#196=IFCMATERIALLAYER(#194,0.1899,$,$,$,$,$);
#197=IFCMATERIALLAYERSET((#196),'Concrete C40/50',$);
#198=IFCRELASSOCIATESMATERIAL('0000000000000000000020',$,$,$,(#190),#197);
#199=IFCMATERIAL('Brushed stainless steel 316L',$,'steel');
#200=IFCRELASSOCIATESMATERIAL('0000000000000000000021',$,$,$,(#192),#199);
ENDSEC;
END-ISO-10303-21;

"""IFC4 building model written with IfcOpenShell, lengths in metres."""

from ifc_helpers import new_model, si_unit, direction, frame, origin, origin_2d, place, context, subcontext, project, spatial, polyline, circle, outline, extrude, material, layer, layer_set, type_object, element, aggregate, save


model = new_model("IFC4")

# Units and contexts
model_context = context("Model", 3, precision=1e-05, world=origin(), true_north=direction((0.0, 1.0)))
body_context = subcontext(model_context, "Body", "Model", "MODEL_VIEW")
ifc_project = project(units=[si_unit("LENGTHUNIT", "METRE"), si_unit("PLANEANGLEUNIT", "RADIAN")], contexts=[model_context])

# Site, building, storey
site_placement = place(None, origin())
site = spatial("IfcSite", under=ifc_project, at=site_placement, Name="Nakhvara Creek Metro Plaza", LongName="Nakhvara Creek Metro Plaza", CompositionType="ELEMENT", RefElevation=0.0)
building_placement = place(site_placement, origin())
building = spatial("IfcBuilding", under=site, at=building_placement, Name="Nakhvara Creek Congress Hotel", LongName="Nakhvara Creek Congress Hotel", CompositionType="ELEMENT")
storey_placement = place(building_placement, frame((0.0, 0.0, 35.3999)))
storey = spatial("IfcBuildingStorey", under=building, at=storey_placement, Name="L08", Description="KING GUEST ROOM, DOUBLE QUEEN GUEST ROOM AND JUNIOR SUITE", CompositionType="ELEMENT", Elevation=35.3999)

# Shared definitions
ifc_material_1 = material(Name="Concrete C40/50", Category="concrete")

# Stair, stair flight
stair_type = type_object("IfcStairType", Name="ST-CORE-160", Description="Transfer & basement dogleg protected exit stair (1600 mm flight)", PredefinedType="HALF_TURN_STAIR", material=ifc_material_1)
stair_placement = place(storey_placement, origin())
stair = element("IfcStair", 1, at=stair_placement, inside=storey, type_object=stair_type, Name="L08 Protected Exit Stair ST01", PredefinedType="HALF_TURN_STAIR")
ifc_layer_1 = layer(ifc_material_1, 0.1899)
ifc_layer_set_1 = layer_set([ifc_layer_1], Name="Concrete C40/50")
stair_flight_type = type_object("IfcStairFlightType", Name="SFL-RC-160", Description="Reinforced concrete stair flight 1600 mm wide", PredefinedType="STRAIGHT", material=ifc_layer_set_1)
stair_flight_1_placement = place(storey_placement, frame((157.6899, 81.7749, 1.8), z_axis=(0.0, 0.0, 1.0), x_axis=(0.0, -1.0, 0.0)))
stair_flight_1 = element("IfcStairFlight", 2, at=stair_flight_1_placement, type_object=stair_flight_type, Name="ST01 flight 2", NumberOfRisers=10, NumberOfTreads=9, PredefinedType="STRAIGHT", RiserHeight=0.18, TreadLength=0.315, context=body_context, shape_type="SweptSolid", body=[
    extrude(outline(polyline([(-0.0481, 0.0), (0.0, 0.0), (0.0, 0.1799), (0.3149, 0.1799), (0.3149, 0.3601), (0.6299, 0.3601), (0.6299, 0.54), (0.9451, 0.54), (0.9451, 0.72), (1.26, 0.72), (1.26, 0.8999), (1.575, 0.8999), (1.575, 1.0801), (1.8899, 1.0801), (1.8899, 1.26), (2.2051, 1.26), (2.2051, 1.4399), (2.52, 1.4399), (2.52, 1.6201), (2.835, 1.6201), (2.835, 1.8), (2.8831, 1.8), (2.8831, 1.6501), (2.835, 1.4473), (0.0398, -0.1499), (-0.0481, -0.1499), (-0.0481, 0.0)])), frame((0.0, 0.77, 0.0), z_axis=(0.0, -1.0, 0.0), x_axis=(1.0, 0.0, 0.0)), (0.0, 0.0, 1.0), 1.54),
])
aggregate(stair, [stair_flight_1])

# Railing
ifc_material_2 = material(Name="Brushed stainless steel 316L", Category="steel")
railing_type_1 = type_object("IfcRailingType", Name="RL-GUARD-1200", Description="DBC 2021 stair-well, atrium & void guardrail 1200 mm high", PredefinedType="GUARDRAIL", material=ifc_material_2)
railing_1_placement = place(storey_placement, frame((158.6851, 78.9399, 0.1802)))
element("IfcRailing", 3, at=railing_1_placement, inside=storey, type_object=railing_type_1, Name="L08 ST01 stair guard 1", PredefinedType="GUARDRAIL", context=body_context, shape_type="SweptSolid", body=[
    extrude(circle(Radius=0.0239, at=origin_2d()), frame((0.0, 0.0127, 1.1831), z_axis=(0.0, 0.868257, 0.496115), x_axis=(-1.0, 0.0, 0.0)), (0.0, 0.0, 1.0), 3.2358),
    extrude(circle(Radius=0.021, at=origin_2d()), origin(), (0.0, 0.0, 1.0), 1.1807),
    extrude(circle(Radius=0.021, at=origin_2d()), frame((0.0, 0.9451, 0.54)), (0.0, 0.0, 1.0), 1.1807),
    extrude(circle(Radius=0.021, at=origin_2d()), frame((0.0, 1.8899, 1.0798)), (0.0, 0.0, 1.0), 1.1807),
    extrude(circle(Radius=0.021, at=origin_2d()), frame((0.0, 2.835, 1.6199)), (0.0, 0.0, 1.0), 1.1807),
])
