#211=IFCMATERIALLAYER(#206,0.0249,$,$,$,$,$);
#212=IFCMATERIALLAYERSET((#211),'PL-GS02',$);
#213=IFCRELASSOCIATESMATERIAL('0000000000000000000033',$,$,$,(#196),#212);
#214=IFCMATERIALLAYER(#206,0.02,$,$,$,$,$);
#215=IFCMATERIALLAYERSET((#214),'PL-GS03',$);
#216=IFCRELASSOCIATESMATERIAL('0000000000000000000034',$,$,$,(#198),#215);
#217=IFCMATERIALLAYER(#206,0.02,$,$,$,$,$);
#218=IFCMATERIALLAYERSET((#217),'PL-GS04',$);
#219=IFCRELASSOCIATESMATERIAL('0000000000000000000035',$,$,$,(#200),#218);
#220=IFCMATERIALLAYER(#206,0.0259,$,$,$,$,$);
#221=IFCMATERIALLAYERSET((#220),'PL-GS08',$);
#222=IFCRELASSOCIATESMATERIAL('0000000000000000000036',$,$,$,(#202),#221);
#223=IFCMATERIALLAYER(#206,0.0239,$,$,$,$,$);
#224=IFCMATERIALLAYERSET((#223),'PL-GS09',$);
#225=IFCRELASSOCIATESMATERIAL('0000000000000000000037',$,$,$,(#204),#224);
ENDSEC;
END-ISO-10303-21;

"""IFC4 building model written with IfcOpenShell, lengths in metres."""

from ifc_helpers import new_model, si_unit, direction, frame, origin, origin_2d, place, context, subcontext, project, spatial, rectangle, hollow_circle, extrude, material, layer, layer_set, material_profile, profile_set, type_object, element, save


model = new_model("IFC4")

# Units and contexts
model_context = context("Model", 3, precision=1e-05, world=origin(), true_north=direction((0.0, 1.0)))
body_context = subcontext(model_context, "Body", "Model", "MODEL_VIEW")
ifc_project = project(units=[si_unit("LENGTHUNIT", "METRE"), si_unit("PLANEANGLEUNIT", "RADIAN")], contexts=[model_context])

────────────────────────────────────────

Task requirements:
The records must be given again in full, exactly as they were written.

Written answer:
#196=IFCMATERIALLAYER(#194,0.1899,$,$,$,$,$);
#197=IFCMATERIALLAYERSET((#196),'Concrete C40/50',$);
#198=IFCRELASSOCIATESMATERIAL('0000000000000000000020',$,$,$,(#190),#197);
#199=IFCMATERIAL('Brushed stainless steel 316L',$,'steel');
#200=IFCRELASSOCIATESMATERIAL('0000000000000000000021',$,$,$,(#192),#199);
ENDSEC;
END-ISO-10303-21;

"""IFC4 building model written with IfcOpenShell, lengths in metres."""

from ifc_helpers import new_model, si_unit, direction, frame, origin, origin_2d, place, context, subcontext, project, spatial, polyline, circle, outline, extrude, material, layer, layer_set, type_object, element, aggregate, save


model = new_model("IFC4")

# Units and contexts
model_context = context("Model", 3, precision=1e-05, world=origin(), true_north=direction((0.0, 1.0)))
body_context = subcontext(model_context, "Body", "Model", "MODEL_VIEW")
ifc_project = project(units=[si_unit("LENGTHUNIT", "METRE"), si_unit("PLANEANGLEUNIT", "RADIAN")], contexts=[model_context])

# Site, building, storey
site_placement = place(None, origin())
site = spatial("IfcSite", under=ifc_project, at=site_placement, Name="Nakhvara Creek Metro Plaza", LongName="Nakhvara Creek Metro Plaza", CompositionType="ELEMENT", RefElevation=0.0)
building_placement = place(site_placement, origin())
building = spatial("IfcBuilding", under=site, at=building_placement, Name="Nakhvara Creek Congress Hotel", LongName="Nakhvara Creek Congress Hotel", CompositionType="ELEMENT")
storey_placement = place(building_placement, frame((0.0, 0.0, 35.3999)))
storey = spatial("IfcBuildingStorey", under=building, at=storey_placement, Name="L08", Description="KING GUEST ROOM, DOUBLE QUEEN GUEST ROOM AND JUNIOR SUITE", CompositionType="ELEMENT", Elevation=35.3999)

# Shared definitions
ifc_material_1 = material(Name="Concrete C40/50", Category="concrete")

# Stair, stair flight
stair_type = type_object("IfcStairType", Name="ST-CORE-160", Description="Transfer & basement dogleg protected exit stair (1600 mm flight)", PredefinedType="HALF_TURN_STAIR", material=ifc_material_1)
stair_placement = place(storey_placement, origin())
stair = element("IfcStair", 1, at=stair_placement, inside=storey, type_object=stair_type, Name="L08 Protected Exit Stair ST01", PredefinedType="HALF_TURN_STAIR")
ifc_layer_1 = layer(ifc_material_1, 0.1899)
ifc_layer_set_1 = layer_set([ifc_layer_1], Name="Concrete C40/50")
stair_flight_type = type_object("IfcStairFlightType", Name="SFL-RC-160", Description="Reinforced concrete stair flight 1600 mm wide", PredefinedType="STRAIGHT", material=ifc_layer_set_1)
stair_flight_1_placement = place(storey_placement, frame((157.6899, 81.7749, 1.8), z_axis=(0.0, 0.0, 1.0), x_axis=(0.0, -1.0, 0.0)))
stair_flight_1 = element("IfcStairFlight", 2, at=stair_flight_1_placement, type_object=stair_flight_type, Name="ST01 flight 2", NumberOfRisers=10, NumberOfTreads=9, PredefinedType="STRAIGHT", RiserHeight=0.18, TreadLength=0.315, context=body_context, shape_type="SweptSolid", body=[
    extrude(outline(polyline([(-0.0481, 0.0), (0.0, 0.0), (0.0, 0.1799), (0.3149, 0.1799), (0.3149, 0.3601), (0.6299, 0.3601), (0.6299, 0.54), (0.9451, 0.54), (0.9451, 0.72), (1.26, 0.72), (1.26, 0.8999), (1.575, 0.8999), (1.575, 1.0801), (1.8899, 1.0801), (1.8899, 1.26), (2.2051, 1.26), (2.2051, 1.4399), (2.52, 1.4399), (2.52, 1.6201), (2.835, 1.6201), (2.835, 1.8), (2.8831, 1.8), (2.8831, 1.6501), (2.835, 1.4473), (0.0398, -0.1499), (-0.0481, -0.1499), (-0.0481, 0.0)])), frame((0.0, 0.77, 0.0), z_axis=(0.0, -1.0, 0.0), x_axis=(1.0, 0.0, 0.0)), (0.0, 0.0, 1.0), 1.54),
])
aggregate(stair, [stair_flight_1])

# Railing
ifc_material_2 = material(Name="Brushed stainless steel 316L", Category="steel")
railing_type_1 = type_object("IfcRailingType", Name="RL-GUARD-1200", Description="DBC 2021 stair-well, atrium & void guardrail 1200 mm high", PredefinedType="GUARDRAIL", material=ifc_material_2)
railing_1_placement = place(storey_placement, frame((158.6851, 78.9399, 0.1802)))
element("IfcRailing", 3, at=railing_1_placement, inside=storey, type_object=railing_type_1, Name="L08 ST01 stair guard 1", PredefinedType="GUARDRAIL", context=body_context, shape_type="SweptSolid", body=[
    extrude(circle(Radius=0.0239, at=origin_2d()), frame((0.0, 0.0127, 1.1831), z_axis=(0.0, 0.868257, 0.496115), x_axis=(-1.0, 0.0, 0.0)), (0.0, 0.0, 1.0), 3.2358),
    extrude(circle(Radius=0.021, at=origin_2d()), origin(), (0.0, 0.0, 1.0), 1.1807),
    extrude(circle(Radius=0.021, at=origin_2d()), frame((0.0, 0.9451, 0.54)), (0.0, 0.0, 1.0), 1.1807),
    extrude(circle(Radius=0.021, at=origin_2d()), frame((0.0, 1.8899, 1.0798)), (0.0, 0.0, 1.0), 1.1807),
    extrude(circle(Radius=0.021, at=origin_2d()), frame((0.0, 2.835, 1.6199)), (0.0, 0.0, 1.0), 1.1807),
])
#211=IFCMATERIALLAYER(#206,0.0249,$,$,$,$,$);
#212=IFCMATERIALLAYERSET((#211),'PL-GS02',$);
#213=IFCRELASSOCIATESMATERIAL('0000000000000000000033',$,$,$,(#196),#212);
#214=IFCMATERIALLAYER(#206,0.02,$,$,$,$,$);
#215=IFCMATERIALLAYERSET((#214),'PL-GS03',$);
#216=IFCRELASSOCIATESMATERIAL('0000000000000000000034',$,$,$,(#198),#215);
#217=IFCMATERIALLAYER(#206,0.02,$,$,$,$,$);
#218=IFCMATERIALLAYERSET((#217),'PL-GS04',$);
#219=IFCRELASSOCIATESMATERIAL('0000000000000000000035',$,$,$,(#200),#218);
#220=IFCMATERIALLAYER(#206,0.0259,$,$,$,$,$);
#221=IFCMATERIALLAYERSET((#220),'PL-GS08',$);
#222=IFCRELASSOCIATESMATERIAL('0000000000000000000036',$,$,$,(#202),#221);
#223=IFCMATERIALLAYER(#206,0.0239,$,$,$,$,$);
#224=IFCMATERIALLAYERSET((#223),'PL-GS09',$);
#225=IFCRELASSOCIATESMATERIAL('0000000000000000000037',$,$,$,(#204),#224);
ENDSEC;
END-ISO-10303-21;

"""IFC4 building model written with IfcOpenShell, lengths in metres."""

from ifc_helpers import new_model, si_unit, direction, frame, origin, origin_2d, place, context, subcontext, project, spatial, rectangle, hollow_circle, extrude, material, layer, layer_set, material_profile, profile_set, type_object, element, save


model = new_model("IFC4")

# Units and contexts
model_context = context("Model", 3, precision=1e-05, world=origin(), true_north=direction((0.0, 1.0)))
body_context = subcontext(model_context, "Body", "Model", "MODEL_VIEW")
ifc_project = project(units=[si_unit("LENGTHUNIT", "METRE"), si_unit("PLANEANGLEUNIT", "RADIAN")], contexts=[model_context])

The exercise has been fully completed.